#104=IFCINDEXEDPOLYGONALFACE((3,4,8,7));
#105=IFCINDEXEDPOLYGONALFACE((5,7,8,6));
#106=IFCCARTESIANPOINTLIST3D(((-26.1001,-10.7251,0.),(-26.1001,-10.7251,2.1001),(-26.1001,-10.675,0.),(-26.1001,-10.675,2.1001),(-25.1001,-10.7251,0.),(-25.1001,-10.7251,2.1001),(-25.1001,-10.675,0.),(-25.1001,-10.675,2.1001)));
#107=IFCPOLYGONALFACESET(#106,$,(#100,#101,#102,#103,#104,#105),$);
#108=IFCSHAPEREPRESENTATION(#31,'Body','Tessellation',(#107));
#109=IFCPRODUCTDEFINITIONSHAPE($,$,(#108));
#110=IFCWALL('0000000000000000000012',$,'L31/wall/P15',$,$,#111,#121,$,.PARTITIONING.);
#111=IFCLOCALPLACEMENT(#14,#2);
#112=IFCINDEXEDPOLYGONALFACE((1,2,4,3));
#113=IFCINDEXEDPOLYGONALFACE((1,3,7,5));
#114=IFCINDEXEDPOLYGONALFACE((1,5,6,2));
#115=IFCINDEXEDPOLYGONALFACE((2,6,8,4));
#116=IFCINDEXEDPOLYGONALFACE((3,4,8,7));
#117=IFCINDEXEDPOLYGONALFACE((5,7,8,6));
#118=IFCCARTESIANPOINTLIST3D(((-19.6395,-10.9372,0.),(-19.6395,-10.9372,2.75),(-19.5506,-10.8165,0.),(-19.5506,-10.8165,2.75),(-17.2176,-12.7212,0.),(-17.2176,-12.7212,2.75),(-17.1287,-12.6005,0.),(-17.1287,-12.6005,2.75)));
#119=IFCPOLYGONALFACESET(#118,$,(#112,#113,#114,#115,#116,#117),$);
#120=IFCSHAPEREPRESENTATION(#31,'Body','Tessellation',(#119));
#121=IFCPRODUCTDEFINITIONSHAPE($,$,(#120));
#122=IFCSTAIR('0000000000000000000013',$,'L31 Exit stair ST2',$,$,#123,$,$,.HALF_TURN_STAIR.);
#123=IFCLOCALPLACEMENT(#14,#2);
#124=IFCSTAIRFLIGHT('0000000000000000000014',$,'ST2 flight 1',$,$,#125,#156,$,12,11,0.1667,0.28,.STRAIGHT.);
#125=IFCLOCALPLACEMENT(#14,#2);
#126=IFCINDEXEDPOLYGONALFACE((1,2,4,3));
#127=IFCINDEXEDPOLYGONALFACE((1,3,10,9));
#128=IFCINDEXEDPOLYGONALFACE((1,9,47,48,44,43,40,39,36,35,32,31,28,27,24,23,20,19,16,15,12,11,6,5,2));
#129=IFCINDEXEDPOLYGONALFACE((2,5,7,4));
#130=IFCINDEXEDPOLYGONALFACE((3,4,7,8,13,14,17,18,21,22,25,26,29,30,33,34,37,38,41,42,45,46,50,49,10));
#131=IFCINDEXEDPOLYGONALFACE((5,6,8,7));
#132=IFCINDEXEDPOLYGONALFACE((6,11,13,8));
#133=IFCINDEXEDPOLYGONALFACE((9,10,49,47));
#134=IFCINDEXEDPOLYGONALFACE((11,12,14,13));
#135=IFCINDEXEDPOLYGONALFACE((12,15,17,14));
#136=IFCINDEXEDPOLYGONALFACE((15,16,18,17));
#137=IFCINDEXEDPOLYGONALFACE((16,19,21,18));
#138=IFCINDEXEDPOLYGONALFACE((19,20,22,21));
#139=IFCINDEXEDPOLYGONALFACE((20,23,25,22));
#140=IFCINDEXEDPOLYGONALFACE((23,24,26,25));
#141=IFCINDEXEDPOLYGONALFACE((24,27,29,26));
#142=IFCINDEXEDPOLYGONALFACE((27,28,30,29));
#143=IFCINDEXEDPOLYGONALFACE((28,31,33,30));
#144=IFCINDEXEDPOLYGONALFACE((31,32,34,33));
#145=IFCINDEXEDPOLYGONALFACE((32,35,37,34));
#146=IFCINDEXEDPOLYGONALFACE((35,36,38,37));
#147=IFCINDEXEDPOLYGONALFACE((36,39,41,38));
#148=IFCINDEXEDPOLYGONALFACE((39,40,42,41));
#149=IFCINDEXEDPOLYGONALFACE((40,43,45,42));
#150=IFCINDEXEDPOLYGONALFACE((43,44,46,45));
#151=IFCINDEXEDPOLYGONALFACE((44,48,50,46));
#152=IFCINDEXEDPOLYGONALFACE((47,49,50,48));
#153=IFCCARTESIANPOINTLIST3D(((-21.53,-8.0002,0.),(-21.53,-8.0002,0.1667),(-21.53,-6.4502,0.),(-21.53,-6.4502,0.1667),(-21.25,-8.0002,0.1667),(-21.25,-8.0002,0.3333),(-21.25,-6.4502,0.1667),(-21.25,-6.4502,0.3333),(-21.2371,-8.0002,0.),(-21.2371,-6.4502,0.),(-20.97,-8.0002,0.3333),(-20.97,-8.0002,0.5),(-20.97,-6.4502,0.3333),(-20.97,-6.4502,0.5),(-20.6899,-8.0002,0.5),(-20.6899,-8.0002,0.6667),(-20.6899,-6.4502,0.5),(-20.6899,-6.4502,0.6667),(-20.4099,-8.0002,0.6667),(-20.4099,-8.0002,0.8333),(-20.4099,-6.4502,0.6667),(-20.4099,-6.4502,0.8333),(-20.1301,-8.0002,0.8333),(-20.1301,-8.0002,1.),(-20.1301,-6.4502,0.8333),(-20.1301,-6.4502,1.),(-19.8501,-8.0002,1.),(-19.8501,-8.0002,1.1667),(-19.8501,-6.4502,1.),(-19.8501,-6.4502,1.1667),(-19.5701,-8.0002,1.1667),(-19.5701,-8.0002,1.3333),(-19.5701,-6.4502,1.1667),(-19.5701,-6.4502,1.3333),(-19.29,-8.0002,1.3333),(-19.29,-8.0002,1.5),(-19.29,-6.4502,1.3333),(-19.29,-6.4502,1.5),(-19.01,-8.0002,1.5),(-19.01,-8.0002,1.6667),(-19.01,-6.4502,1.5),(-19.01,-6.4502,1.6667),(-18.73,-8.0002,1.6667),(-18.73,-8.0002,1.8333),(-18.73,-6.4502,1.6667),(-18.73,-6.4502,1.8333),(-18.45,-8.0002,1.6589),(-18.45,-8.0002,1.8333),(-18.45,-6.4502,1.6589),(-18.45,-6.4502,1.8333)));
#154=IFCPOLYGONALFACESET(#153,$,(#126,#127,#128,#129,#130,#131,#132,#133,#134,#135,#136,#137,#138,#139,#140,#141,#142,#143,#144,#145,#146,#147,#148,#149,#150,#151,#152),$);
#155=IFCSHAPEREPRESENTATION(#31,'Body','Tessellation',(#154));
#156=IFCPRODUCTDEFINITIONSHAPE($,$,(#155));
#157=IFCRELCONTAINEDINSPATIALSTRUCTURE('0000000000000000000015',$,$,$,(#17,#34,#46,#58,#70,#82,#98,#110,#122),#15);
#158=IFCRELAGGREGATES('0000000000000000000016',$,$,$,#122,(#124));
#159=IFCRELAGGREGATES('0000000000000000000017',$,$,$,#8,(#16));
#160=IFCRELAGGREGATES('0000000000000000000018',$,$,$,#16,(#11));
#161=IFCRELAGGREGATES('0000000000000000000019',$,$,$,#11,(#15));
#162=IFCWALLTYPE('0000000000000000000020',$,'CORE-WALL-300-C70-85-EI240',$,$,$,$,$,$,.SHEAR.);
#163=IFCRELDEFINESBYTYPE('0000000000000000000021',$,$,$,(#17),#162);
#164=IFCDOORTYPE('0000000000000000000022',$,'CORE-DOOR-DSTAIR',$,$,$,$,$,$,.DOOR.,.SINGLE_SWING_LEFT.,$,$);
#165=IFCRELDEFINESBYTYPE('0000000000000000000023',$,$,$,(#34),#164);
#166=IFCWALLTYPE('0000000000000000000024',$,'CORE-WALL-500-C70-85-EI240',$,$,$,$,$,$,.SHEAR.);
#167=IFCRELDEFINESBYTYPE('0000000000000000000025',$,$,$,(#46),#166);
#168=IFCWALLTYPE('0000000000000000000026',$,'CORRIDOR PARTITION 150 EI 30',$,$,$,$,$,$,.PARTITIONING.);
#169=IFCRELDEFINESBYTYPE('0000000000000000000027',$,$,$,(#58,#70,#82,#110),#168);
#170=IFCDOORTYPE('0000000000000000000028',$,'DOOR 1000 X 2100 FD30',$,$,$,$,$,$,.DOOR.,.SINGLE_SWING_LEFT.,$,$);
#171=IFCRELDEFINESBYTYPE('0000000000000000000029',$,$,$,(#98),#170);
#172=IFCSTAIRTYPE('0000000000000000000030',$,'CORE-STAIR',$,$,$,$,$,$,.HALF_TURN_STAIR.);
##########
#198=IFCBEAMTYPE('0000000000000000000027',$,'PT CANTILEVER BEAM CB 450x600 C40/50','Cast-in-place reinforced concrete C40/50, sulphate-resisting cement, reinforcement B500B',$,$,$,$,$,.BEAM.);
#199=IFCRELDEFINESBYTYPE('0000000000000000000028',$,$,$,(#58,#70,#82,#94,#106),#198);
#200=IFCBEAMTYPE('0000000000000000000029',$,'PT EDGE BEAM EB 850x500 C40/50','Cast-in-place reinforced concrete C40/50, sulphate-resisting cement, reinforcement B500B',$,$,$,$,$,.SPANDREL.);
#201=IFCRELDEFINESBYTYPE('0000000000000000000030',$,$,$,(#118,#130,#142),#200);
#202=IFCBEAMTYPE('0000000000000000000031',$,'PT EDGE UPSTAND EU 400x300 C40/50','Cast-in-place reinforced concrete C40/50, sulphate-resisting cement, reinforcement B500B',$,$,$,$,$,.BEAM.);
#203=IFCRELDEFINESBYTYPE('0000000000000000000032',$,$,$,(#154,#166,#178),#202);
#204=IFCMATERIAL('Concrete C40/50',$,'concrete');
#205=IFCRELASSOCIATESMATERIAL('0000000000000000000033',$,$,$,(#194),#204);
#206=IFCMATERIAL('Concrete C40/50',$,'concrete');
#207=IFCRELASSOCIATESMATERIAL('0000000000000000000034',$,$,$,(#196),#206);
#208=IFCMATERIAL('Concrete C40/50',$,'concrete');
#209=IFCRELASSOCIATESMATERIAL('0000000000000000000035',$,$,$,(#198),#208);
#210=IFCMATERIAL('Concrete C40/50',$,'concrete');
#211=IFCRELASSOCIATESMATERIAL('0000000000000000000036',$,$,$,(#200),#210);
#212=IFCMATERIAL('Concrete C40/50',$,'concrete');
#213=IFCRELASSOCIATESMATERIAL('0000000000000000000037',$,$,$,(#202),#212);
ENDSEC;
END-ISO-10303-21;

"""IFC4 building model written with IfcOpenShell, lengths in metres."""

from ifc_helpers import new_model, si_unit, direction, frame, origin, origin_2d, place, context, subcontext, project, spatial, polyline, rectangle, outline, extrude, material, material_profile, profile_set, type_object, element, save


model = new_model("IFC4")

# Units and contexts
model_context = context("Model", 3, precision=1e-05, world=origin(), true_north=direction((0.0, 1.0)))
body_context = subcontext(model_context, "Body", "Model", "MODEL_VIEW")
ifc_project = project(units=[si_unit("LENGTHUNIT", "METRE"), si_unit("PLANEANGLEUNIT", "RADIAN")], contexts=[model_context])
##########
• Your objective: Within the data above, the lines from the one with "#138=IFCINDEXEDPOLYGONALFACE((19,20,22,21));" to the one with "#144=IFCINDEXEDPOLYGONALFACE((31,32,34,33));" must be repeated exactly; no other line belongs in the answer.

• Task solution:
#138=IFCINDEXEDPOLYGONALFACE((19,20,22,21));
#139=IFCINDEXEDPOLYGONALFACE((20,23,25,22));
#140=IFCINDEXEDPOLYGONALFACE((23,24,26,25));
#141=IFCINDEXEDPOLYGONALFACE((24,27,29,26));
#142=IFCINDEXEDPOLYGONALFACE((27,28,30,29));
#143=IFCINDEXEDPOLYGONALFACE((28,31,33,30));
#144=IFCINDEXEDPOLYGONALFACE((31,32,34,33));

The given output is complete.